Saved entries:
--- --- ---

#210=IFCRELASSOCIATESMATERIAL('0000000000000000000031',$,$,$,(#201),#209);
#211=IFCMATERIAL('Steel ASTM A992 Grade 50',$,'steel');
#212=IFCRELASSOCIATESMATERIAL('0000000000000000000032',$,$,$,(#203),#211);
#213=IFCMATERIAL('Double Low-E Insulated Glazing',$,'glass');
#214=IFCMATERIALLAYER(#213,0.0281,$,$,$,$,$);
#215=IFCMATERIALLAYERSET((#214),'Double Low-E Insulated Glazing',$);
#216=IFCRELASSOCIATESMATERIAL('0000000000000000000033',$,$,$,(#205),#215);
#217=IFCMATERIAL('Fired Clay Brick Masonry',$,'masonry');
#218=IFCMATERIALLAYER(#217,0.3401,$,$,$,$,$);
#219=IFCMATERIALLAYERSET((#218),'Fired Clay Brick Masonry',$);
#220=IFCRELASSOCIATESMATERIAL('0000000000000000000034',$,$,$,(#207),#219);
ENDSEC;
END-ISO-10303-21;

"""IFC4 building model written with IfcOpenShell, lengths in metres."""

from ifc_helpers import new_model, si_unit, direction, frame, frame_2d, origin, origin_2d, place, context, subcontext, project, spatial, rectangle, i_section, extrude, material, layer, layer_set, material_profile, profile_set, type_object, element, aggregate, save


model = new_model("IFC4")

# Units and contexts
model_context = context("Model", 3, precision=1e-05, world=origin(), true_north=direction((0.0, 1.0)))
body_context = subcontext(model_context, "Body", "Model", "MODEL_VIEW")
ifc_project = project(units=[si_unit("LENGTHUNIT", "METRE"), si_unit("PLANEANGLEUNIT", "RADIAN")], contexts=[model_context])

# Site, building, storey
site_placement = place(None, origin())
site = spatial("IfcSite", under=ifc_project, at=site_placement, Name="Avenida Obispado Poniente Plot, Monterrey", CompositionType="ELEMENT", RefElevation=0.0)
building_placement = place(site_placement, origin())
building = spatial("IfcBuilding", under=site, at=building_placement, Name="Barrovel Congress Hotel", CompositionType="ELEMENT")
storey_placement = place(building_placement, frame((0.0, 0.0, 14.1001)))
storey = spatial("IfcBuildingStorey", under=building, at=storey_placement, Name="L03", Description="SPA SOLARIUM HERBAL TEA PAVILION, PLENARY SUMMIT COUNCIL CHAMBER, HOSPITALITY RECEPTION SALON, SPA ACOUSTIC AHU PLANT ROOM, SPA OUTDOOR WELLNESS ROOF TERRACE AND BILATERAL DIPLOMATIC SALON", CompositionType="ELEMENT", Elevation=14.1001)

--- --- ---

* _INSTRUCTIONS TO FOLLOW_
Retype only the lines above between the line with "#218=IFCMATERIALLAYER(#217,0.3401,$,$,$,$,$);" and the line with "frame((0.0, 0.0, 14.1001)))", counting those two lines as well, and keep every character as it is.

* _TASK RESPONSE_
#218=IFCMATERIALLAYER(#217,0.3401,$,$,$,$,$);
#219=IFCMATERIALLAYERSET((#218),'Fired Clay Brick Masonry',$);
#220=IFCRELASSOCIATESMATERIAL('0000000000000000000034',$,$,$,(#207),#219);
ENDSEC;
END-ISO-10303-21;

"""IFC4 building model written with IfcOpenShell, lengths in metres."""

from ifc_helpers import new_model, si_unit, direction, frame, frame_2d, origin, origin_2d, place, context, subcontext, project, spatial, rectangle, i_section, extrude, material, layer, layer_set, material_profile, profile_set, type_object, element, aggregate, save


model = new_model("IFC4")

# Units and contexts
model_context = context("Model", 3, precision=1e-05, world=origin(), true_north=direction((0.0, 1.0)))
body_context = subcontext(model_context, "Body", "Model", "MODEL_VIEW")
ifc_project = project(units=[si_unit("LENGTHUNIT", "METRE"), si_unit("PLANEANGLEUNIT", "RADIAN")], contexts=[model_context])

# Site, building, storey
site_placement = place(None, origin())
site = spatial("IfcSite", under=ifc_project, at=site_placement, Name="Avenida Obispado Poniente Plot, Monterrey", CompositionType="ELEMENT", RefElevation=0.0)
building_placement = place(site_placement, origin())
building = spatial("IfcBuilding", under=site, at=building_placement, Name="Barrovel Congress Hotel", CompositionType="ELEMENT")
storey_placement = place(building_placement, frame((0.0, 0.0, 14.1001)))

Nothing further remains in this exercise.